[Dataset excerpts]
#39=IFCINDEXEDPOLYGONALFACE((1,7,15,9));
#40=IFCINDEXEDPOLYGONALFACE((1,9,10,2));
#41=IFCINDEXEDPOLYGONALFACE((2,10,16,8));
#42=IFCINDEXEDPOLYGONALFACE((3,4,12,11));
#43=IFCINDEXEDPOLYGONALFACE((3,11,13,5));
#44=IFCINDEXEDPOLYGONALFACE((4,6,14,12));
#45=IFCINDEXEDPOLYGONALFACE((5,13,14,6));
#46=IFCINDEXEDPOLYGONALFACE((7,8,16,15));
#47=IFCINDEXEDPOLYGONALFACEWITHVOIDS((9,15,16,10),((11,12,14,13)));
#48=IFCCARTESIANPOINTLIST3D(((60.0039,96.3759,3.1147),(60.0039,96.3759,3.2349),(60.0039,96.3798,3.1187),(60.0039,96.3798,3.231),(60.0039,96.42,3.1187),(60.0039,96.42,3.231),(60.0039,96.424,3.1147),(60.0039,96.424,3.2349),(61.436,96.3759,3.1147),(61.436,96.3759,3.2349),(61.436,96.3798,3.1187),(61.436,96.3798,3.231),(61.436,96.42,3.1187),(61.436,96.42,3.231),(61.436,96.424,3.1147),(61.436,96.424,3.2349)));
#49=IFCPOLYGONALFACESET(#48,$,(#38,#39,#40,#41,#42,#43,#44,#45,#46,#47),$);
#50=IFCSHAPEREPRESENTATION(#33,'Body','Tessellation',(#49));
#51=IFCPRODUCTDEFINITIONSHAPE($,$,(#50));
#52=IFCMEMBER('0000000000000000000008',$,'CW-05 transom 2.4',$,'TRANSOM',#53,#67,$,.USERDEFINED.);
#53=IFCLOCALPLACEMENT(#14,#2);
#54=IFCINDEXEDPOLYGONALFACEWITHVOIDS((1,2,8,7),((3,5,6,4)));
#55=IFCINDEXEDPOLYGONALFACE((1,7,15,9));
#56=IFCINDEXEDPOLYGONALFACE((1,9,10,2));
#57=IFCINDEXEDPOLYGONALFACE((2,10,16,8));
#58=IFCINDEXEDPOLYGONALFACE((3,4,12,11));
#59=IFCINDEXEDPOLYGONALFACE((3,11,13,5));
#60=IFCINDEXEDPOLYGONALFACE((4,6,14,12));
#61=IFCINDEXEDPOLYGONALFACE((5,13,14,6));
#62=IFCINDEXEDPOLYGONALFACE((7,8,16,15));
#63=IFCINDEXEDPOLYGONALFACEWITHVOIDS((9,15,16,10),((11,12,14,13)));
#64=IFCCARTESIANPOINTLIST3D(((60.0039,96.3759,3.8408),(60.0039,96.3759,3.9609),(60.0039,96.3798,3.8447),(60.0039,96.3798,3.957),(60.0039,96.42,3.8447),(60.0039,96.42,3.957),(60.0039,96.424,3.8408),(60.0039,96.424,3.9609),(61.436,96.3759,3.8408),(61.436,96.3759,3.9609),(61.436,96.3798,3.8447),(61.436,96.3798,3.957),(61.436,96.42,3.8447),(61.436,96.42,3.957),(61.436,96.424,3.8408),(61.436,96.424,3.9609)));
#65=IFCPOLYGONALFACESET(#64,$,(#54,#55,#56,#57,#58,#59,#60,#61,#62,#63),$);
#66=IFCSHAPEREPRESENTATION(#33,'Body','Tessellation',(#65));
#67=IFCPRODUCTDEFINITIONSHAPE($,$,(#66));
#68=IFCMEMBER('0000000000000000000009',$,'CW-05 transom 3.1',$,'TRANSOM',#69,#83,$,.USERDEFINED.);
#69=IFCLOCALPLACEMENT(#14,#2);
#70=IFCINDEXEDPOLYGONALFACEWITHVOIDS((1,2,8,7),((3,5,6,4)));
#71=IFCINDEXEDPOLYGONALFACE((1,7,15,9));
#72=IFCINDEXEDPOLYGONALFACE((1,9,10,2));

Exercise description.
Search the entries for "IFCLOCALPLACEMENT" and copy each matching line.

Problem solution.
#53=IFCLOCALPLACEMENT(#14,#2);
#69=IFCLOCALPLACEMENT(#14,#2);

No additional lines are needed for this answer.